*Directions for this task*
The answer must consist solely of the line that contains "#193=IFCMATERIAL('Aluminium curtain wall" and all subsequent lines of the data, each reproduced exactly.

Stored data entries:
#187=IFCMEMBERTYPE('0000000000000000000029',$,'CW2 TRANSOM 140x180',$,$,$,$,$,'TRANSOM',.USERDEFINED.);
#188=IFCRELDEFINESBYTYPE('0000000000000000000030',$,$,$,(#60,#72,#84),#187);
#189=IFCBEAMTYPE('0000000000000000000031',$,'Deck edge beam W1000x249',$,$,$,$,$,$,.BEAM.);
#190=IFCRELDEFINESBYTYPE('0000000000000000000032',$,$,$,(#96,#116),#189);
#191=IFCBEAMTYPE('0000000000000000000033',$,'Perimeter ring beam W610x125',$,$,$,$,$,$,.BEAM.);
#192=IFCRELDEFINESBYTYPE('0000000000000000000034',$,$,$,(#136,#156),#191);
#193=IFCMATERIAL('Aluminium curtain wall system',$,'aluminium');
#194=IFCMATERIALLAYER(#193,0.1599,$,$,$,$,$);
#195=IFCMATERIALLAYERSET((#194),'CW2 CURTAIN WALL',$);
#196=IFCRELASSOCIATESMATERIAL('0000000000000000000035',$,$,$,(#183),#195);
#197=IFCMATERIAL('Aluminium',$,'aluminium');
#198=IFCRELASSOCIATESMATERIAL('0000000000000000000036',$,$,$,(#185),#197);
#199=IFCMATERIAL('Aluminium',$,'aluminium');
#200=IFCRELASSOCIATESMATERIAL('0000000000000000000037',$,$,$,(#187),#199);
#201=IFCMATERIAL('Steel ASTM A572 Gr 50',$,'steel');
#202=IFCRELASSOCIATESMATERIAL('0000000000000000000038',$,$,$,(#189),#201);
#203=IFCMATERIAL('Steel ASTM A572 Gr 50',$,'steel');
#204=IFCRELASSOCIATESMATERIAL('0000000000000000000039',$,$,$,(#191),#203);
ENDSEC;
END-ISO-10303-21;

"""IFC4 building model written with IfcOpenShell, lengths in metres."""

*Problem solution*
#193=IFCMATERIAL('Aluminium curtain wall system',$,'aluminium');
#194=IFCMATERIALLAYER(#193,0.1599,$,$,$,$,$);
#195=IFCMATERIALLAYERSET((#194),'CW2 CURTAIN WALL',$);
#196=IFCRELASSOCIATESMATERIAL('0000000000000000000035',$,$,$,(#183),#195);
#197=IFCMATERIAL('Aluminium',$,'aluminium');
#198=IFCRELASSOCIATESMATERIAL('0000000000000000000036',$,$,$,(#185),#197);
#199=IFCMATERIAL('Aluminium',$,'aluminium');
#200=IFCRELASSOCIATESMATERIAL('0000000000000000000037',$,$,$,(#187),#199);
#201=IFCMATERIAL('Steel ASTM A572 Gr 50',$,'steel');
#202=IFCRELASSOCIATESMATERIAL('0000000000000000000038',$,$,$,(#189),#201);
#203=IFCMATERIAL('Steel ASTM A572 Gr 50',$,'steel');
#204=IFCRELASSOCIATESMATERIAL('0000000000000000000039',$,$,$,(#191),#203);
ENDSEC;
END-ISO-10303-21;

"""IFC4 building model written with IfcOpenShell, lengths in metres."""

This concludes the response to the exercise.